[Stored items]

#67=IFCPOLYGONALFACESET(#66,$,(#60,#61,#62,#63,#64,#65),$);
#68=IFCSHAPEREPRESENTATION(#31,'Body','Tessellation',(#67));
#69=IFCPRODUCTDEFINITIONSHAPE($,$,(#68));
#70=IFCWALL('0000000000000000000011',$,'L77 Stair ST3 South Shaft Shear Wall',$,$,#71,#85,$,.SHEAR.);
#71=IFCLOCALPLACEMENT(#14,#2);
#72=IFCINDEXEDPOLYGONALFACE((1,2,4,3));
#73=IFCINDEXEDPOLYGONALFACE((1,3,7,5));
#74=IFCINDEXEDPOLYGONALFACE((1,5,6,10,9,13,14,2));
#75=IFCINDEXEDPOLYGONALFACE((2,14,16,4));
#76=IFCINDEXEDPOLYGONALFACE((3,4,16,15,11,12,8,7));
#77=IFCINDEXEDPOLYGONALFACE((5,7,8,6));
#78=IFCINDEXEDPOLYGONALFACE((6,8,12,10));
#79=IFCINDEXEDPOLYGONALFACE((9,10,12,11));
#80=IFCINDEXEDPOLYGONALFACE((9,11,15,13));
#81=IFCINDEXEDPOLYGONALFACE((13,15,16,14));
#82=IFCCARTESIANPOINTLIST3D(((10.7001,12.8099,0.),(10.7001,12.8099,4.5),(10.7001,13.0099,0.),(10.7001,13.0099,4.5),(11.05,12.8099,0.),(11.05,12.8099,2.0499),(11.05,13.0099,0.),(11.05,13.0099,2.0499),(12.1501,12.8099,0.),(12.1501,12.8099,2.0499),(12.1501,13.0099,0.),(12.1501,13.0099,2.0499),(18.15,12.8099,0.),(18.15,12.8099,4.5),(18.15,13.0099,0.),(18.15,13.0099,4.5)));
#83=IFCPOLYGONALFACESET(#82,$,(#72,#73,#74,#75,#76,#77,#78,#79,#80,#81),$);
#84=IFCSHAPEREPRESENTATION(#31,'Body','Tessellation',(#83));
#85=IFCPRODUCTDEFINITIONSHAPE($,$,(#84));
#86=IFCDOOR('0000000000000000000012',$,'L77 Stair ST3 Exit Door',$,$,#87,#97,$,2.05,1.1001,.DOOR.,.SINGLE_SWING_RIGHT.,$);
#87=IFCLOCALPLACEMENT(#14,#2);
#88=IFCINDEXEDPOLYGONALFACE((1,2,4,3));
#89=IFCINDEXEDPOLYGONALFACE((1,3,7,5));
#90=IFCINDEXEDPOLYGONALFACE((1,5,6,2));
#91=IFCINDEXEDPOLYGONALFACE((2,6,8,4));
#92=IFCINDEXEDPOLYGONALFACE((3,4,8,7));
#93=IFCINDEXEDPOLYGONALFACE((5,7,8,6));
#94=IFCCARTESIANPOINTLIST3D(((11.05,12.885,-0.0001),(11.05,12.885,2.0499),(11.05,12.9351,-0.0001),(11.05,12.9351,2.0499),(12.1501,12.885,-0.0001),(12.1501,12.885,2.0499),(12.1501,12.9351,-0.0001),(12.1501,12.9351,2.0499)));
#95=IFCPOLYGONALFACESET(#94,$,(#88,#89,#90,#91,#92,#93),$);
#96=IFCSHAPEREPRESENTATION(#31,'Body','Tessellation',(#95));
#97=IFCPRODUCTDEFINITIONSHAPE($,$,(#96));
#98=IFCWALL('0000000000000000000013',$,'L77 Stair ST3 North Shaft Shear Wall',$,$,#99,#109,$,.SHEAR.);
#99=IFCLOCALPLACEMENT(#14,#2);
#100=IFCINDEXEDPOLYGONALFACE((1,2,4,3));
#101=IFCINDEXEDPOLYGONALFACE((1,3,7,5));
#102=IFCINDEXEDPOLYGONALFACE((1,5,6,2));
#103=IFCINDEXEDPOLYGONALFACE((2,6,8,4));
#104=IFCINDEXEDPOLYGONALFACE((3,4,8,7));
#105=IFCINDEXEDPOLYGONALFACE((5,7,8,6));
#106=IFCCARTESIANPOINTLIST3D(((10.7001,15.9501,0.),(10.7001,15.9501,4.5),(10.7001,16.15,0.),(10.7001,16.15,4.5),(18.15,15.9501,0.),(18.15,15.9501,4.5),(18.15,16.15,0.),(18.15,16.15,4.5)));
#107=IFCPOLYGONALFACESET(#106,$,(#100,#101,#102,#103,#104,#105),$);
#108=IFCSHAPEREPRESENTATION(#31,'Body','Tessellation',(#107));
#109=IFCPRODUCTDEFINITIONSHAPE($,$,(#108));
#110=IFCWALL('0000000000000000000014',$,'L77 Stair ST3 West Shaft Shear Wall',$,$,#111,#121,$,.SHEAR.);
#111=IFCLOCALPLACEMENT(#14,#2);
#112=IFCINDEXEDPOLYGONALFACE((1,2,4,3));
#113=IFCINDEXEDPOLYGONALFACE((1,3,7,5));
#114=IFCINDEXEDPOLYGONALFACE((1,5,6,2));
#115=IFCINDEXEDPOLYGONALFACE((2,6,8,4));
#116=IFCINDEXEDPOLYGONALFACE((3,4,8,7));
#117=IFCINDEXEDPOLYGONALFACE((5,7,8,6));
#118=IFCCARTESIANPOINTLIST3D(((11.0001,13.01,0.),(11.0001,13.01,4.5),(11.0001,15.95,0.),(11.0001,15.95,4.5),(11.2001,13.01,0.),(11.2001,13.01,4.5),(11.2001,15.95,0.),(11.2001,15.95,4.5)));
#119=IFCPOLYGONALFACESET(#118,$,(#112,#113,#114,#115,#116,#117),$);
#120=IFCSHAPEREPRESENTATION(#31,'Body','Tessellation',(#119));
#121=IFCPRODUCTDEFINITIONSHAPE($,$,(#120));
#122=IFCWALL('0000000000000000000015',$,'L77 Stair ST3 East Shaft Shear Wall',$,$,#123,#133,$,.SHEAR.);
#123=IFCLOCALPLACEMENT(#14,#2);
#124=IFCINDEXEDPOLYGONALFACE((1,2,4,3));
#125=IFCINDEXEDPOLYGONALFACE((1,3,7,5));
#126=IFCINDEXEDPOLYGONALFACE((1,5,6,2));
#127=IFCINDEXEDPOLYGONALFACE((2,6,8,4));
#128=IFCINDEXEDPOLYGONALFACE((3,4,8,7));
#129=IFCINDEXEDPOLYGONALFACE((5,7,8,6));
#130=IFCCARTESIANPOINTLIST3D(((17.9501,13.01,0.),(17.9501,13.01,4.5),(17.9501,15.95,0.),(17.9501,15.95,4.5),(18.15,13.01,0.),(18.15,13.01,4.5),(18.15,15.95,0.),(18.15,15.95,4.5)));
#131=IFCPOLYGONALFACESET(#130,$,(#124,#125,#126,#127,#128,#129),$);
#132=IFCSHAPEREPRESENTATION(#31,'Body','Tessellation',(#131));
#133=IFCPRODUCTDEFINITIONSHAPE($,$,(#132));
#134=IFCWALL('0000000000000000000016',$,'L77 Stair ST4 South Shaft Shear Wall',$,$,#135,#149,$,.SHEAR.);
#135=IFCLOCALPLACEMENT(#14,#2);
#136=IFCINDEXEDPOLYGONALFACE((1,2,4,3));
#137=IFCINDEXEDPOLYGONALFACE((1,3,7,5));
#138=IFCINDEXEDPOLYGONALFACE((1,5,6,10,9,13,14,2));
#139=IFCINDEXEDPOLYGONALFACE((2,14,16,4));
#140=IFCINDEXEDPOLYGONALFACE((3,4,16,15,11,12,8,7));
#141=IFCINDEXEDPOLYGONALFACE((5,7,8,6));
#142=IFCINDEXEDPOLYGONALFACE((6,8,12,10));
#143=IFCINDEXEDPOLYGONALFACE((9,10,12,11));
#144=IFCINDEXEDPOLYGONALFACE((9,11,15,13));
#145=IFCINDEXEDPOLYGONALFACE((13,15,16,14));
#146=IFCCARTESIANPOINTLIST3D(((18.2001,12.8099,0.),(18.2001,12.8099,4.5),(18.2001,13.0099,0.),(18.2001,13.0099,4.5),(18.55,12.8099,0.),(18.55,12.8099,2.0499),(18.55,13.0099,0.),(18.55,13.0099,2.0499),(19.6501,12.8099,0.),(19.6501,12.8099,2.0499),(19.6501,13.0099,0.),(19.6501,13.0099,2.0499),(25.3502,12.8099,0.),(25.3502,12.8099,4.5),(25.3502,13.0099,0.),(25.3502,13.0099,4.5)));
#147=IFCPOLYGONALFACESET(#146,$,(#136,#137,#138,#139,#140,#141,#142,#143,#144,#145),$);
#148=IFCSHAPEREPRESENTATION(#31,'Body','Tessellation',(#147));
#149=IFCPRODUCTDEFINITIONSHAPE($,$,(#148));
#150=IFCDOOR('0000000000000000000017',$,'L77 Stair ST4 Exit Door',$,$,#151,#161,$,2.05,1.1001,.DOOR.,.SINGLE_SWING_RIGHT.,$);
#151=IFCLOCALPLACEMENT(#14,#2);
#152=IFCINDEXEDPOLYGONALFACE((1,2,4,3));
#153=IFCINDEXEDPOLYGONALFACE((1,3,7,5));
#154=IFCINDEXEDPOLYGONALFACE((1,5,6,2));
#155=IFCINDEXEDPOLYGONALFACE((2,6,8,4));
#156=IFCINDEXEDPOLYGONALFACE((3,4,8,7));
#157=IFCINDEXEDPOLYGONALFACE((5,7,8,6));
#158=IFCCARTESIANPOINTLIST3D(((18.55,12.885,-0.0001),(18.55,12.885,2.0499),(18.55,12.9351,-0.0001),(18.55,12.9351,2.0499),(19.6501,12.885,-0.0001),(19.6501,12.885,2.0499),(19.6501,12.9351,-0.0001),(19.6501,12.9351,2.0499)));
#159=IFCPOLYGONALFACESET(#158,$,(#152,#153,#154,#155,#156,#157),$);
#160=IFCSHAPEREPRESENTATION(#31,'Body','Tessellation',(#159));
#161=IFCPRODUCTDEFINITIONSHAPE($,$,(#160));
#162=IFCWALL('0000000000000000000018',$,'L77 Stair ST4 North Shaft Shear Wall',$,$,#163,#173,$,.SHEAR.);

## TASK OBJECTIVE
Find "#148=IFCSHAPEREPRESENTATION(#31,'Body','Tessellation',(#147));" in the entries above, then repeat its line and all lines after it exactly, down to the last line.

## EXERCISE SOLUTION
#148=IFCSHAPEREPRESENTATION(#31,'Body','Tessellation',(#147));
#149=IFCPRODUCTDEFINITIONSHAPE($,$,(#148));
#150=IFCDOOR('0000000000000000000017',$,'L77 Stair ST4 Exit Door',$,$,#151,#161,$,2.05,1.1001,.DOOR.,.SINGLE_SWING_RIGHT.,$);
#151=IFCLOCALPLACEMENT(#14,#2);
#152=IFCINDEXEDPOLYGONALFACE((1,2,4,3));
#153=IFCINDEXEDPOLYGONALFACE((1,3,7,5));
#154=IFCINDEXEDPOLYGONALFACE((1,5,6,2));
#155=IFCINDEXEDPOLYGONALFACE((2,6,8,4));
#156=IFCINDEXEDPOLYGONALFACE((3,4,8,7));
#157=IFCINDEXEDPOLYGONALFACE((5,7,8,6));
#158=IFCCARTESIANPOINTLIST3D(((18.55,12.885,-0.0001),(18.55,12.885,2.0499),(18.55,12.9351,-0.0001),(18.55,12.9351,2.0499),(19.6501,12.885,-0.0001),(19.6501,12.885,2.0499),(19.6501,12.9351,-0.0001),(19.6501,12.9351,2.0499)));
#159=IFCPOLYGONALFACESET(#158,$,(#152,#153,#154,#155,#156,#157),$);
#160=IFCSHAPEREPRESENTATION(#31,'Body','Tessellation',(#159));
#161=IFCPRODUCTDEFINITIONSHAPE($,$,(#160));
#162=IFCWALL('0000000000000000000018',$,'L77 Stair ST4 North Shaft Shear Wall',$,$,#163,#173,$,.SHEAR.);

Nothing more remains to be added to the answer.